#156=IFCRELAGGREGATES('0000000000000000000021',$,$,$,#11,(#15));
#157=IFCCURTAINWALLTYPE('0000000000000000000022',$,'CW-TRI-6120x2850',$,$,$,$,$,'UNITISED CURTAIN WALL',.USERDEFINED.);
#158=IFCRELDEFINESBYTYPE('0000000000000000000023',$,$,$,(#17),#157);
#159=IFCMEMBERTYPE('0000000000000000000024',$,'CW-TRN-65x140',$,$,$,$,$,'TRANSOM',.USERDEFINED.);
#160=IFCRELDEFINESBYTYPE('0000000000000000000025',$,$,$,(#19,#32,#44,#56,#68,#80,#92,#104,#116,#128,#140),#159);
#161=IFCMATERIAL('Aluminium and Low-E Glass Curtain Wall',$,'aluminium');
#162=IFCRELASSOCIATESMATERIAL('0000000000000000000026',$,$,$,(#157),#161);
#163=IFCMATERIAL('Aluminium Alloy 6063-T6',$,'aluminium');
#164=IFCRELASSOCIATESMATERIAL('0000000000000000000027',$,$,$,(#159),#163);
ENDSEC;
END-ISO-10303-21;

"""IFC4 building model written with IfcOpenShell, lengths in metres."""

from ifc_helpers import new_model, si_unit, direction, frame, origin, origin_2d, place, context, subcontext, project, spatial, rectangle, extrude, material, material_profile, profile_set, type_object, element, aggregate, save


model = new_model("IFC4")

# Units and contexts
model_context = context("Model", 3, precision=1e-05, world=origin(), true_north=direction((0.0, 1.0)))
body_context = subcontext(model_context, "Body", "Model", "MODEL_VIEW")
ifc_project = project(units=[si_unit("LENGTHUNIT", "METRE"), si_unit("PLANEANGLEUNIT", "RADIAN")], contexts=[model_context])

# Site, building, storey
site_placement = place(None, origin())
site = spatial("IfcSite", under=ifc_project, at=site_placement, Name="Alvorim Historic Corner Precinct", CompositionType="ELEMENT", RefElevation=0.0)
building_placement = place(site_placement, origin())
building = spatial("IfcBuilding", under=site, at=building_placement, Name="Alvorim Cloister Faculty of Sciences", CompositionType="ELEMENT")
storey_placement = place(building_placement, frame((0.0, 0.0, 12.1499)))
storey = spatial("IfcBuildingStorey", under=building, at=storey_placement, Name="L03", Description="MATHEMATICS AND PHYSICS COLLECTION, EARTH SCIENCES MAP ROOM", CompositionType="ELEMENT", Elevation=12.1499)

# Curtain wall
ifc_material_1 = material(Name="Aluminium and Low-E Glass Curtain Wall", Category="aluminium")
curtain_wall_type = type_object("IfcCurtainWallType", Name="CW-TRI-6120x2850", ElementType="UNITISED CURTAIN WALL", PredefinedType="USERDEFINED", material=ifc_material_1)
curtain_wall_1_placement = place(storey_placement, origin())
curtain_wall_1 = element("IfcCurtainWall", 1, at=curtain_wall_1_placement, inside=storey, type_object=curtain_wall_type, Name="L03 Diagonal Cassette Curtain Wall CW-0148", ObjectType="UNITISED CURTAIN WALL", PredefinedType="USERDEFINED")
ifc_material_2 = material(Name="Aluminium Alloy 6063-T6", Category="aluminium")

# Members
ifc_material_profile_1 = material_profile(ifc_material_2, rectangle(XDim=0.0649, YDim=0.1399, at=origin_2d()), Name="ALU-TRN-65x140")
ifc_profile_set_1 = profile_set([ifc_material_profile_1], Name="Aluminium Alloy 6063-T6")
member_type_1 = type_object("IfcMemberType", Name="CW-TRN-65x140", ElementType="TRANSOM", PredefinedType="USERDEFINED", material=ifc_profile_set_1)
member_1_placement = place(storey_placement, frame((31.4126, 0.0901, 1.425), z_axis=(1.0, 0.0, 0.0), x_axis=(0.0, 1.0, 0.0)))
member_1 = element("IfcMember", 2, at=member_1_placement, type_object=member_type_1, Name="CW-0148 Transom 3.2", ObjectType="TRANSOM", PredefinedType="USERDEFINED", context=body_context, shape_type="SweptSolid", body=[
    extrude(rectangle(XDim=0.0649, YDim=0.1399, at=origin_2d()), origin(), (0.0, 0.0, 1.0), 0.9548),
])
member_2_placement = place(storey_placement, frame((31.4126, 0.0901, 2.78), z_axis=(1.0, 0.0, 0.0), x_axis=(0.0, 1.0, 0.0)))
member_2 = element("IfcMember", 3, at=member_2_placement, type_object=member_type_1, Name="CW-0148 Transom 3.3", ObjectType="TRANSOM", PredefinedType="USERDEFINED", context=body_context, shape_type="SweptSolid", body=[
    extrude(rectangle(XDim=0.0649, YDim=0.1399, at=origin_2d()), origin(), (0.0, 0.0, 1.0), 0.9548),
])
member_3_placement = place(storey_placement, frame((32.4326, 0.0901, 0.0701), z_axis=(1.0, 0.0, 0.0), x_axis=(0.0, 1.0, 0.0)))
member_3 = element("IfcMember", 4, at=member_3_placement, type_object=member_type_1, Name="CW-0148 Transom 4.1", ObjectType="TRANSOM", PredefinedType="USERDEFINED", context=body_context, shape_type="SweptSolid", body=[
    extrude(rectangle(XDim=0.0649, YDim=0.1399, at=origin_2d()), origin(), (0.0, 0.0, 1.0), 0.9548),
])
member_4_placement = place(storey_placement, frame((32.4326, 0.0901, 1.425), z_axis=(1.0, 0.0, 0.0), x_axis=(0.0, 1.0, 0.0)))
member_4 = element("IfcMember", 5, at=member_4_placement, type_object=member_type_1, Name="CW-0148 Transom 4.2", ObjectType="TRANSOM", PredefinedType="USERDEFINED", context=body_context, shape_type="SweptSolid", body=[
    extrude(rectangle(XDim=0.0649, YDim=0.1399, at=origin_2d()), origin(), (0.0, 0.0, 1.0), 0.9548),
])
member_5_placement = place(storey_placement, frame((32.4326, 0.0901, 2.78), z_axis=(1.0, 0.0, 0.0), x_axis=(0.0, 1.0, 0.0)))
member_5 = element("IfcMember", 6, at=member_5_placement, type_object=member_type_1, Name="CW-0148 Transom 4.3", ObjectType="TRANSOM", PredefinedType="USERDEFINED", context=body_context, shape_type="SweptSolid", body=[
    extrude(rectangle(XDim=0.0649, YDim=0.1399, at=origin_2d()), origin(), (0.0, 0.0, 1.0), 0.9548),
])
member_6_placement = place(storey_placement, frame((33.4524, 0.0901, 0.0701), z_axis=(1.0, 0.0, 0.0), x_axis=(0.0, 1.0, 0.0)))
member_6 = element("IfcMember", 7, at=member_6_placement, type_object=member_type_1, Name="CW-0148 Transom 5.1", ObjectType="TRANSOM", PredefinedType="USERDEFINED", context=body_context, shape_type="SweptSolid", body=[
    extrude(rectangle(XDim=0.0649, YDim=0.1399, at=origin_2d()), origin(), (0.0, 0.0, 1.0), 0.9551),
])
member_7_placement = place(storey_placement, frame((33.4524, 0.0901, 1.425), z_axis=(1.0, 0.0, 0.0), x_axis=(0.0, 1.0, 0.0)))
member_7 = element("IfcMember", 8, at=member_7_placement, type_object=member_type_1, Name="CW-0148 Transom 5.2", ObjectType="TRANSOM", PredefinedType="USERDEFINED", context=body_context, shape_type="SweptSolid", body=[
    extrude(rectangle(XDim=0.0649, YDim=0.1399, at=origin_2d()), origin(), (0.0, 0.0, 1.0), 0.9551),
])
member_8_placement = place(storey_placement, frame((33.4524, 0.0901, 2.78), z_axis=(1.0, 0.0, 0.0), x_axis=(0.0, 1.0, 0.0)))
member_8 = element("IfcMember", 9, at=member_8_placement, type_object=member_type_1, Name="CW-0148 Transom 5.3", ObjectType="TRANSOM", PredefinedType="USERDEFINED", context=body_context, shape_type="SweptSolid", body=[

========================================

EXERCISE OBJECTIVE: What do the lines above say from the one containing "frame((0.0, 0.0, 12.1499)))" down to the one containing "# Curtain wall"? Return them exactly, both end lines included, and only them.

TASK RESULT:
storey_placement = place(building_placement, frame((0.0, 0.0, 12.1499)))
storey = spatial("IfcBuildingStorey", under=building, at=storey_placement, Name="L03", Description="MATHEMATICS AND PHYSICS COLLECTION, EARTH SCIENCES MAP ROOM", CompositionType="ELEMENT", Elevation=12.1499)

# Curtain wall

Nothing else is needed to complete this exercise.